> [WHAT THE TASK ASKS]: Look through the material that follows and show every line with the string "IFCRELCONTAINEDINSPATIALSTRUCTURE".

> [MATERIAL FOR THE TASK]:

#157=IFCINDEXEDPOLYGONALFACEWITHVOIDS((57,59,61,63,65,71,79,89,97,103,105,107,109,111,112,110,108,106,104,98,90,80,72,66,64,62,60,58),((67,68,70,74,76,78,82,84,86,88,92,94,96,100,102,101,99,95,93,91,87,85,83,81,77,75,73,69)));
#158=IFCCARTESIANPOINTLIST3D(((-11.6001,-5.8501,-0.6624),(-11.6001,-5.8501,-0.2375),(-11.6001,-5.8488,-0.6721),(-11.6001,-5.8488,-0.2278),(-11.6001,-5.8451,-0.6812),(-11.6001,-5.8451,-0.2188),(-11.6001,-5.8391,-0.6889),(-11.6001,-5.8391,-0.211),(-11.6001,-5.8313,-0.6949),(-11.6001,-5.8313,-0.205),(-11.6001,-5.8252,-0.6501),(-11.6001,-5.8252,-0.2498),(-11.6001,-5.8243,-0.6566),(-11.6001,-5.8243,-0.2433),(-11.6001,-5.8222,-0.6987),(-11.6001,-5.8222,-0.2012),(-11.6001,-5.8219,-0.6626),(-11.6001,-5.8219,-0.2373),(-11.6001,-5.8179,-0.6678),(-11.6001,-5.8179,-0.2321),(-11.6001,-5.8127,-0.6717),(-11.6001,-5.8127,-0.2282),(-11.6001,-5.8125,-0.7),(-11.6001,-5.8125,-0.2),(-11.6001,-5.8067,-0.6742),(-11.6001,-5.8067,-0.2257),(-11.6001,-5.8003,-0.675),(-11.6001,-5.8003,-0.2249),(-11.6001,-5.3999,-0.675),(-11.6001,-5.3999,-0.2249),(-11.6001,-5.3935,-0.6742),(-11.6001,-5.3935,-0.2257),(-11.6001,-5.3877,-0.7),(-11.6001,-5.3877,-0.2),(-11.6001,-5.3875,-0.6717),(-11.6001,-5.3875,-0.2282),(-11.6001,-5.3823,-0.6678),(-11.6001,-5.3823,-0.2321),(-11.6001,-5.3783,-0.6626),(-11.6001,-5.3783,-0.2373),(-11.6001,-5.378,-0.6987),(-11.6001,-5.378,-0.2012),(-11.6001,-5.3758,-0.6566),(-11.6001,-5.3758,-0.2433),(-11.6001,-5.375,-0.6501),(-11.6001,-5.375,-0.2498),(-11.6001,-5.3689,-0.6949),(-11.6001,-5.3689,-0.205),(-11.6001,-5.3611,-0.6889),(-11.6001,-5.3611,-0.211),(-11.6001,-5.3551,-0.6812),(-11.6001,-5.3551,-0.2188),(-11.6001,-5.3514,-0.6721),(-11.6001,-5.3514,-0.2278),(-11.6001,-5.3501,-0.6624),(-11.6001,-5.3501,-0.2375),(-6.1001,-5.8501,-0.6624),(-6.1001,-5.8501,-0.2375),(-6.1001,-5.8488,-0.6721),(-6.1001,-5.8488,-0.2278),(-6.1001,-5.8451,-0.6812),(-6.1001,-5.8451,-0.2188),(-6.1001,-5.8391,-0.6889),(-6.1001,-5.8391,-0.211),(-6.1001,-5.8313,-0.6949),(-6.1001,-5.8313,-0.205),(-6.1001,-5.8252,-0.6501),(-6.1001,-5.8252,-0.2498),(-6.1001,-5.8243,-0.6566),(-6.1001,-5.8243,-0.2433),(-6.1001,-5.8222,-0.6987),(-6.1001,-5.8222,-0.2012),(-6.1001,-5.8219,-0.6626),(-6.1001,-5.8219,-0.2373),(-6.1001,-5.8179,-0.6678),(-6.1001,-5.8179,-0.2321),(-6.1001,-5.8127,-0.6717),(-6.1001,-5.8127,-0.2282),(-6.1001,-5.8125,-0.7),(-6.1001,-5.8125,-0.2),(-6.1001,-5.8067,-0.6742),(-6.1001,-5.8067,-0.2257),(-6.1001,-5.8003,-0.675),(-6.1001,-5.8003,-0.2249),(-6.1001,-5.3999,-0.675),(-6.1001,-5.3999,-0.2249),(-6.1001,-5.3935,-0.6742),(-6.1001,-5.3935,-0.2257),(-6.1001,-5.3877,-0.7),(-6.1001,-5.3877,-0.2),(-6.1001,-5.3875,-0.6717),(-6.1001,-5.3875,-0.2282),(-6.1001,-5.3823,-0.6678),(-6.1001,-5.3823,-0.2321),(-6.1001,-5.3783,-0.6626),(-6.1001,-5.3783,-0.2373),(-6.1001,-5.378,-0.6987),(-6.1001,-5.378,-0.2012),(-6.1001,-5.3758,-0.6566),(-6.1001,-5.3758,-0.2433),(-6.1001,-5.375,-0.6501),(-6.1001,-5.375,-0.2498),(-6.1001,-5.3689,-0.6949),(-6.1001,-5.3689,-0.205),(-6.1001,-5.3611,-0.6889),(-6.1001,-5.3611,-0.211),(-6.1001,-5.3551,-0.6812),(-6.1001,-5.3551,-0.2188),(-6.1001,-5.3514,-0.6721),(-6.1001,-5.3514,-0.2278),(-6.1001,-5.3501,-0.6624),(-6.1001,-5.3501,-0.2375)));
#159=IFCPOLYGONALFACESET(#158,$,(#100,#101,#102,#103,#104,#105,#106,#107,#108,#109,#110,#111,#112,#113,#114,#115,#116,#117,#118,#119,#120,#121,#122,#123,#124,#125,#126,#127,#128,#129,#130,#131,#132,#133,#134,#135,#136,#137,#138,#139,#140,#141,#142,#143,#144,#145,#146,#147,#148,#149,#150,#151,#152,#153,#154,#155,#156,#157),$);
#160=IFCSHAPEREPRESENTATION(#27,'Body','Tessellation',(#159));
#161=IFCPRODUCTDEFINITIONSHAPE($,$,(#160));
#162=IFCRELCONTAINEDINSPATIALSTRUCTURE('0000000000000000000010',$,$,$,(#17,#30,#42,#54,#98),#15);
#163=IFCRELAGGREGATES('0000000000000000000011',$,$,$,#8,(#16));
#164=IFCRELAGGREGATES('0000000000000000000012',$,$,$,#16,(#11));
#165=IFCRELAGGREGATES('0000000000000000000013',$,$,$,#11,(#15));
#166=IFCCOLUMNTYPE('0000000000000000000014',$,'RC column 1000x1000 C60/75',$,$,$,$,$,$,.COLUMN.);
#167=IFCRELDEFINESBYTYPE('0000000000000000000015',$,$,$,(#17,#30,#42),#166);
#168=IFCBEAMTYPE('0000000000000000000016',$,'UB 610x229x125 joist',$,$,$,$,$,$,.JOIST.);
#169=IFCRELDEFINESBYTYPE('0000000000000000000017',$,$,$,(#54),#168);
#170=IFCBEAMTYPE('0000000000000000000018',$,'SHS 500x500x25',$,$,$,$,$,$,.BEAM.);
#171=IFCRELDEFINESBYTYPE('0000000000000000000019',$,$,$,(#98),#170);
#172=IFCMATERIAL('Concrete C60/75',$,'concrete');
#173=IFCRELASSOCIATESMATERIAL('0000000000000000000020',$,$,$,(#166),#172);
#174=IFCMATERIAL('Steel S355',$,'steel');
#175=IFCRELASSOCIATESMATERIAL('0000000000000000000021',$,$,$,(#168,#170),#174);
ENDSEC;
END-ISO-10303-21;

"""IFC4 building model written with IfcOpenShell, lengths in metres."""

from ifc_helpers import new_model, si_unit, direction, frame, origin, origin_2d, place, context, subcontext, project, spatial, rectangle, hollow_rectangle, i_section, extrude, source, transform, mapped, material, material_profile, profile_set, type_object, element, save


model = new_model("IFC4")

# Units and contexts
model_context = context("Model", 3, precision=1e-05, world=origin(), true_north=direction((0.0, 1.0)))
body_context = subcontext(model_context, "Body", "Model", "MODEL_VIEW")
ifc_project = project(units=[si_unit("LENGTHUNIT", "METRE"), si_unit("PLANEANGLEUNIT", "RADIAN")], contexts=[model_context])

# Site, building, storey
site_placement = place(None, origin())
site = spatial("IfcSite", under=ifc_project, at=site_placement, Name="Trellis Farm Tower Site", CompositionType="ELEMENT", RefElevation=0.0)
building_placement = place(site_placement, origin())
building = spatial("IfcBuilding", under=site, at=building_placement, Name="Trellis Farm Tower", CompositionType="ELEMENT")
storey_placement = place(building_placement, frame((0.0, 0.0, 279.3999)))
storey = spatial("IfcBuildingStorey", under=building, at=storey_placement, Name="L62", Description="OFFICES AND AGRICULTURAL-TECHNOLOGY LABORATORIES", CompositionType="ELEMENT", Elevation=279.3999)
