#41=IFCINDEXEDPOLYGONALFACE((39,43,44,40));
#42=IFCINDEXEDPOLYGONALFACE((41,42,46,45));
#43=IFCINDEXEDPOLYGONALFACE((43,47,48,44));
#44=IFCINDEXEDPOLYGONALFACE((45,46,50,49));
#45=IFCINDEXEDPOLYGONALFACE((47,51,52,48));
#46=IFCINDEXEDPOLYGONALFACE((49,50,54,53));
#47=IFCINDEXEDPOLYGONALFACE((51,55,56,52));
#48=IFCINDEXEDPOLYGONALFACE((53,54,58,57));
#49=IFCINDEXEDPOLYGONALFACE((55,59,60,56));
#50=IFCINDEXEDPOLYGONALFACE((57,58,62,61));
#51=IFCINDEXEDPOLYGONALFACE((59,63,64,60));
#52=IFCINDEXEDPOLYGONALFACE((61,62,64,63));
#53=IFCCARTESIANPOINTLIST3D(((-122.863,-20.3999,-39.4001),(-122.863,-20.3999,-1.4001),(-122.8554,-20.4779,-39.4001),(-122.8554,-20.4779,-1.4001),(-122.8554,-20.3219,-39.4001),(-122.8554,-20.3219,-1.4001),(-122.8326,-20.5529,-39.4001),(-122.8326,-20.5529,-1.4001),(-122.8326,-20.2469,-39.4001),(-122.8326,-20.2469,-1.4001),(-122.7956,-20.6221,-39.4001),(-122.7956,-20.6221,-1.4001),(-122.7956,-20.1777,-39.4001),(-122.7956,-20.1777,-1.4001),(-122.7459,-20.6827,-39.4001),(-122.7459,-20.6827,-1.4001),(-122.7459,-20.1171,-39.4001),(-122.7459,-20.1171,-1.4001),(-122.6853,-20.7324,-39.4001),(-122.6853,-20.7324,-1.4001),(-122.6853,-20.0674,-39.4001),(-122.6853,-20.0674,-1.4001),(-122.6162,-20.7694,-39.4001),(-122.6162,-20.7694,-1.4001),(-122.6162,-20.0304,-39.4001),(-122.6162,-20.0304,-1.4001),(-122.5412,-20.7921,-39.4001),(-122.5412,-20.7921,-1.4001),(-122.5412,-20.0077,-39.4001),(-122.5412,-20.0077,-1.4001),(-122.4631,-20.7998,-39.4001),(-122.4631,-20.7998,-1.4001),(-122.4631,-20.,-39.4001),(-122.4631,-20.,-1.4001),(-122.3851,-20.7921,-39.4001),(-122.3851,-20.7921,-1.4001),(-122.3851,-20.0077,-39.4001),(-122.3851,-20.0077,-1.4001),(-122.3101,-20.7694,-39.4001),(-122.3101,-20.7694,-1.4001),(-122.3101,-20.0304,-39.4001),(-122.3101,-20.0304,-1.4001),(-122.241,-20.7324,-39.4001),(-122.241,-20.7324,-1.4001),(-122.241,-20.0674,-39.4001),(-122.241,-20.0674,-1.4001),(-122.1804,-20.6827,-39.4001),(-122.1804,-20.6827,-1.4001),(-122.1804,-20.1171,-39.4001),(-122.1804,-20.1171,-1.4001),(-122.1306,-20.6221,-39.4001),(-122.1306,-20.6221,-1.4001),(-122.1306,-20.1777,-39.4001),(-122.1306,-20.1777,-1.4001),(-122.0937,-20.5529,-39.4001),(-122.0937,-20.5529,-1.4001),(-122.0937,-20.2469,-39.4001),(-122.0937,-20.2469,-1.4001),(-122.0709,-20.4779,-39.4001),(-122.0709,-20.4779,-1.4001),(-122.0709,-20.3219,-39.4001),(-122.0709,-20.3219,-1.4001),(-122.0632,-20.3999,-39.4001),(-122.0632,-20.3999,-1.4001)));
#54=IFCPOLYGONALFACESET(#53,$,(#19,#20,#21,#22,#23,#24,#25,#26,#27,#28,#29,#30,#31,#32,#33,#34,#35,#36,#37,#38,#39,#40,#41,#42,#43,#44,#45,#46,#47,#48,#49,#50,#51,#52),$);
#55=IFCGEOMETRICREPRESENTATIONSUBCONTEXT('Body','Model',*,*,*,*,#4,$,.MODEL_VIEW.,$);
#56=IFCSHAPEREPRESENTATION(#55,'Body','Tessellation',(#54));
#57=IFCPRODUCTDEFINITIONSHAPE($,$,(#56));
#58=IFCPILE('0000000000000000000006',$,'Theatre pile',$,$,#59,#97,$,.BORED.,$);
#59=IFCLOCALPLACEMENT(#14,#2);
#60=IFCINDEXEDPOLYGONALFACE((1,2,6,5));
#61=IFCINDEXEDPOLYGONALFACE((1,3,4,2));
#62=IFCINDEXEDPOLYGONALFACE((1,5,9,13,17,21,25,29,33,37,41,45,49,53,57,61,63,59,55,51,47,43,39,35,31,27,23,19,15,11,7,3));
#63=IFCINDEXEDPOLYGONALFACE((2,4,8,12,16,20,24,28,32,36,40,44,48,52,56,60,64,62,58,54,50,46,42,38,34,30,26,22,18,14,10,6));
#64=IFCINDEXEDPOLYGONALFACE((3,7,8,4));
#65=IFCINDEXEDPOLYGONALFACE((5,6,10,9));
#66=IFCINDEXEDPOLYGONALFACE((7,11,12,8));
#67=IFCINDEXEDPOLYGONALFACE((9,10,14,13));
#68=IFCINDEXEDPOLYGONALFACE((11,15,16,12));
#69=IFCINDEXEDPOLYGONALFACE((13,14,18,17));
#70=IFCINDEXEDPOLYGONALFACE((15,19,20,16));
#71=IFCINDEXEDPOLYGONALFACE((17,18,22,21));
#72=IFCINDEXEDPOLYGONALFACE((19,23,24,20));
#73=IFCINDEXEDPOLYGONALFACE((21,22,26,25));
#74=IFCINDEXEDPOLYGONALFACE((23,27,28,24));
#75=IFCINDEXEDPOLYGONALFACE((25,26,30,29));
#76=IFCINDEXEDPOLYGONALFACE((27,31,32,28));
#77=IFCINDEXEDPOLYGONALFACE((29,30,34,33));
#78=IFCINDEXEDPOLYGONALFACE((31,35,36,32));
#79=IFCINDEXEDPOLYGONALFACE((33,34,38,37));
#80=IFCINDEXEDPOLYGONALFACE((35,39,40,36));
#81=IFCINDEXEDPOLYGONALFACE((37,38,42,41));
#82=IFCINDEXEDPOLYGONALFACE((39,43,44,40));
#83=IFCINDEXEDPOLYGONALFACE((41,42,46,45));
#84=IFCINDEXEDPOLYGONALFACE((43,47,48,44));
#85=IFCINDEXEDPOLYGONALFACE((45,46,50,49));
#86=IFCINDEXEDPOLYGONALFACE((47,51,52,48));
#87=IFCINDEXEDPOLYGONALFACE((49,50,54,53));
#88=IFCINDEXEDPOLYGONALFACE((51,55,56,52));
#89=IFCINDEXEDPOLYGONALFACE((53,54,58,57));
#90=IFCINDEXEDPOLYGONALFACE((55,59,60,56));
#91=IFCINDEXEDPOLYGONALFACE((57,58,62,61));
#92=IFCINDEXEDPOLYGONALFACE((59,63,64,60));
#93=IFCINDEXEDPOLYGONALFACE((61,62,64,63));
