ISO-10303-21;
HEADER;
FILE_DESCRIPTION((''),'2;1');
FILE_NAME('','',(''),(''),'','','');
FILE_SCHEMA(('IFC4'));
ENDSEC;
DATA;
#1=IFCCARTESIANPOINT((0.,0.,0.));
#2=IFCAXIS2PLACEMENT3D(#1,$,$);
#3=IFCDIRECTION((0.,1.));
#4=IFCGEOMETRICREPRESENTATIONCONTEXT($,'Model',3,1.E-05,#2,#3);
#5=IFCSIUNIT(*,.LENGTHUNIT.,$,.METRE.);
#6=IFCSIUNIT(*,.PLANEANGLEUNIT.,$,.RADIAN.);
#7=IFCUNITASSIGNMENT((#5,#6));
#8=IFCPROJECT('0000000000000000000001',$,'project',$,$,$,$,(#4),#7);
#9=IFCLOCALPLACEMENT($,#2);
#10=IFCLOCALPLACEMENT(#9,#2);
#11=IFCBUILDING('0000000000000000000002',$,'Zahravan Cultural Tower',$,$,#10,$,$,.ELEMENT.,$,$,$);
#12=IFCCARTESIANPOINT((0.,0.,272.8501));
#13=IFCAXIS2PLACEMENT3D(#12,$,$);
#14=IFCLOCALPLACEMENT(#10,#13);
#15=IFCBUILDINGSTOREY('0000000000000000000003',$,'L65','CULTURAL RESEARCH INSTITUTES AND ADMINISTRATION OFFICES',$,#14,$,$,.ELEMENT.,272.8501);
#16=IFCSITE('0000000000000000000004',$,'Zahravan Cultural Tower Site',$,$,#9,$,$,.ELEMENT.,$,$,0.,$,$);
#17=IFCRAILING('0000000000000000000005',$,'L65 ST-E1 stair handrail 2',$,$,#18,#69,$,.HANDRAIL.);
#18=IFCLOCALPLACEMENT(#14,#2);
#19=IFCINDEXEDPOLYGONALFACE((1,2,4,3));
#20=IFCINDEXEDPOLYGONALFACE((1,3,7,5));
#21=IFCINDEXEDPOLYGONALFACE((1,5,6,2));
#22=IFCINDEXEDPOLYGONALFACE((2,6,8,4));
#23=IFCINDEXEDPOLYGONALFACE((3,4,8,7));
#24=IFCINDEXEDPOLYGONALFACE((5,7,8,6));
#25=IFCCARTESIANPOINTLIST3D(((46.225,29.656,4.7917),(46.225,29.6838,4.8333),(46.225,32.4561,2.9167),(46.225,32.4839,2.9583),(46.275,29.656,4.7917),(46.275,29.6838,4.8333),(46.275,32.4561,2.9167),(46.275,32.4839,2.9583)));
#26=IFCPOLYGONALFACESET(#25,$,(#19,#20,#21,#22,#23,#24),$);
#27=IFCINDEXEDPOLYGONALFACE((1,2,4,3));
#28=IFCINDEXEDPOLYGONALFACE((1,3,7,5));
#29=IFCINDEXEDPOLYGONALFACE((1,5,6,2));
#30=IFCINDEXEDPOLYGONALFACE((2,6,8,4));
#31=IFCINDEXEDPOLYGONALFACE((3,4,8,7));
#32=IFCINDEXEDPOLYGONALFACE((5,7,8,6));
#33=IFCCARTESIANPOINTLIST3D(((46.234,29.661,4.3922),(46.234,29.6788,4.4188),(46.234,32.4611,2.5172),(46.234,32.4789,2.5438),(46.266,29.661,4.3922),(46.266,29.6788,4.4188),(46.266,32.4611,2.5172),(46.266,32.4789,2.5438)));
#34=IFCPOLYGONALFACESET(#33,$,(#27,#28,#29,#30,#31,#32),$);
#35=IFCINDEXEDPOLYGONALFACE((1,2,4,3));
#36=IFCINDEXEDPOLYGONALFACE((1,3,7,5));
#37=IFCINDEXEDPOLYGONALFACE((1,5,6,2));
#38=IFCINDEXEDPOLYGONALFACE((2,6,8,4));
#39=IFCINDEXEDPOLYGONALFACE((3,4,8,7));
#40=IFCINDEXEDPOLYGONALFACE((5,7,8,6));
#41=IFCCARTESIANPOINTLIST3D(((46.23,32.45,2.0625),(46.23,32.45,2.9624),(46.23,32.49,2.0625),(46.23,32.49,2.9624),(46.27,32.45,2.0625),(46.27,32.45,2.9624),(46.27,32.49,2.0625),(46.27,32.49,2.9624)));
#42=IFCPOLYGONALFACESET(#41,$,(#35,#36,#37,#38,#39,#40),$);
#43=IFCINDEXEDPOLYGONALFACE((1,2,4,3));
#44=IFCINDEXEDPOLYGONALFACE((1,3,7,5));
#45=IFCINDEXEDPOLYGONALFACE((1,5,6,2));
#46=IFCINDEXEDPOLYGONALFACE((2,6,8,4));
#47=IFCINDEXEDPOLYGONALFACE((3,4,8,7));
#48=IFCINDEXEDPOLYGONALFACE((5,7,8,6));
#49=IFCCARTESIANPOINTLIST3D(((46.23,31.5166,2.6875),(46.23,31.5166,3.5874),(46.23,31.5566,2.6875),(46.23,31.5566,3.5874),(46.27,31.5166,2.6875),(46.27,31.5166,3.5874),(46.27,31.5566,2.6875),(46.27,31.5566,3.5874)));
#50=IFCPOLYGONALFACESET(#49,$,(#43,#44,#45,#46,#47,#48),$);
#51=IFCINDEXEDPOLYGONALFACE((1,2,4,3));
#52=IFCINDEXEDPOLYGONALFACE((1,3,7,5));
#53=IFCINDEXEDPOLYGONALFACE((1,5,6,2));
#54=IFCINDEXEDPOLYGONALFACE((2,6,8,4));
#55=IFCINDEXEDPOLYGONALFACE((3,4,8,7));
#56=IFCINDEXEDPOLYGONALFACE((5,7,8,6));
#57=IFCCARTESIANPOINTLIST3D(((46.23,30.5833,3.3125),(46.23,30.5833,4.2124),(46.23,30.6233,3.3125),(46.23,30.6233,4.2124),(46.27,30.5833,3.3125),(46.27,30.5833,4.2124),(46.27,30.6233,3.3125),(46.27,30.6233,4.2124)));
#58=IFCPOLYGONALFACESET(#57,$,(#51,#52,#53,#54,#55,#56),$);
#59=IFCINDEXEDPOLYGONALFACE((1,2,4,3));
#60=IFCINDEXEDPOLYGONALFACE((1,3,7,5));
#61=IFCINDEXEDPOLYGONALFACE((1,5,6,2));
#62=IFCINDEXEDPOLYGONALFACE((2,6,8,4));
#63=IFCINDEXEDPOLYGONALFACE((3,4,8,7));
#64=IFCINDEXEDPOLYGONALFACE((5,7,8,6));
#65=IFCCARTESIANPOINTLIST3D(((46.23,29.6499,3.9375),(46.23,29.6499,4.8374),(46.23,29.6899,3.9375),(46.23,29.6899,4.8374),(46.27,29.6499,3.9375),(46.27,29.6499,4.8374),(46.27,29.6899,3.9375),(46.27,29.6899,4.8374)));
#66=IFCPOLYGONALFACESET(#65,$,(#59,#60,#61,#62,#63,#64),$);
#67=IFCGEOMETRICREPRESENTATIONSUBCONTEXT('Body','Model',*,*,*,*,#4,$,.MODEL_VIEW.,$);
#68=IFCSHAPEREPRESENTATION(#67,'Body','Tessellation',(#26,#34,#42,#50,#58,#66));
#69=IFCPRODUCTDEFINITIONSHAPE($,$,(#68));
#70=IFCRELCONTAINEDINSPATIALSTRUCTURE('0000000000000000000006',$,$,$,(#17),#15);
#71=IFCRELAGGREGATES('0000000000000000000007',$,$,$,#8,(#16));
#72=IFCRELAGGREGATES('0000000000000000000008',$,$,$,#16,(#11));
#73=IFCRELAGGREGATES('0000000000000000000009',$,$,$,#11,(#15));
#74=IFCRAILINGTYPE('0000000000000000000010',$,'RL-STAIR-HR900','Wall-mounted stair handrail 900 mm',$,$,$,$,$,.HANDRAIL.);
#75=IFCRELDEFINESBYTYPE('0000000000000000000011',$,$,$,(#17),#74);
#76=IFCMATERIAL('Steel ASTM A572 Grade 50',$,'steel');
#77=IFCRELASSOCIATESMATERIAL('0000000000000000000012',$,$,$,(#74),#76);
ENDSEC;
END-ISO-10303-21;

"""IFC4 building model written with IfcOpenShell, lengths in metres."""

from ifc_helpers import new_model, si_unit, direction, frame, origin, origin_2d, place, context, subcontext, project, spatial, rectangle, extrude, material, type_object, element, save


model = new_model("IFC4")

# Units and contexts
model_context = context("Model", 3, precision=1e-05, world=origin(), true_north=direction((0.0, 1.0)))
body_context = subcontext(model_context, "Body", "Model", "MODEL_VIEW")
ifc_project = project(units=[si_unit("LENGTHUNIT", "METRE"), si_unit("PLANEANGLEUNIT", "RADIAN")], contexts=[model_context])

# Site, building, storey
site_placement = place(None, origin())
site = spatial("IfcSite", under=ifc_project, at=site_placement, Name="Zahravan Cultural Tower Site", CompositionType="ELEMENT", RefElevation=0.0)
building_placement = place(site_placement, origin())
building = spatial("IfcBuilding", under=site, at=building_placement, Name="Zahravan Cultural Tower", CompositionType="ELEMENT")
storey_placement = place(building_placement, frame((0.0, 0.0, 272.8501)))
storey = spatial("IfcBuildingStorey", under=building, at=storey_placement, Name="L65", Description="CULTURAL RESEARCH INSTITUTES AND ADMINISTRATION OFFICES", CompositionType="ELEMENT", Elevation=272.8501)

# Shared definitions
ifc_material_1 = material(Name="Steel ASTM A572 Grade 50", Category="steel")

# Railing
railing_type = type_object("IfcRailingType", Name="RL-STAIR-HR900", Description="Wall-mounted stair handrail 900 mm", PredefinedType="HANDRAIL", material=ifc_material_1)
railing_placement = place(storey_placement, frame((46.25, 32.47, 2.0625)))
element("IfcRailing", 1, at=railing_placement, inside=storey, type_object=railing_type, Name="L65 ST-E1 stair handrail 2", PredefinedType="HANDRAIL", context=body_context, shape_type="SweptSolid", body=[
    extrude(rectangle(XDim=0.05, YDim=0.05, at=origin_2d()), frame((0.0, 0.0, 0.875), z_axis=(0.0, -0.830912, 0.556404), x_axis=(1.0, 0.0, 0.0)), (0.0, 0.0, 1.0), 3.3699),
    extrude(rectangle(XDim=0.032, YDim=0.032, at=origin_2d()), frame((0.0, 0.0, 0.468), z_axis=(0.0, -0.830912, 0.556404), x_axis=(1.0, 0.0, 0.0)), (0.0, 0.0, 1.0), 3.3699),
    extrude(rectangle(XDim=0.04, YDim=0.04, at=origin_2d()), origin(), (0.0, 0.0, 1.0), 0.8999),
    extrude(rectangle(XDim=0.04, YDim=0.04, at=origin_2d()), frame((0.0, -0.9333, 0.625)), (0.0, 0.0, 1.0), 0.8999),
    extrude(rectangle(XDim=0.04, YDim=0.04, at=origin_2d()), frame((0.0, -1.8667, 1.25)), (0.0, 0.0, 1.0), 0.8999),
    extrude(rectangle(XDim=0.04, YDim=0.04, at=origin_2d()), frame((0.0, -2.8, 1.875)), (0.0, 0.0, 1.0), 0.8999),
])

save(model, "model.ifc")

> [REPLY]:
#162=IFCRELCONTAINEDINSPATIALSTRUCTURE('0000000000000000000010',$,$,$,(#17,#30,#42,#54,#98),#15);
#70=IFCRELCONTAINEDINSPATIALSTRUCTURE('0000000000000000000006',$,$,$,(#17),#15);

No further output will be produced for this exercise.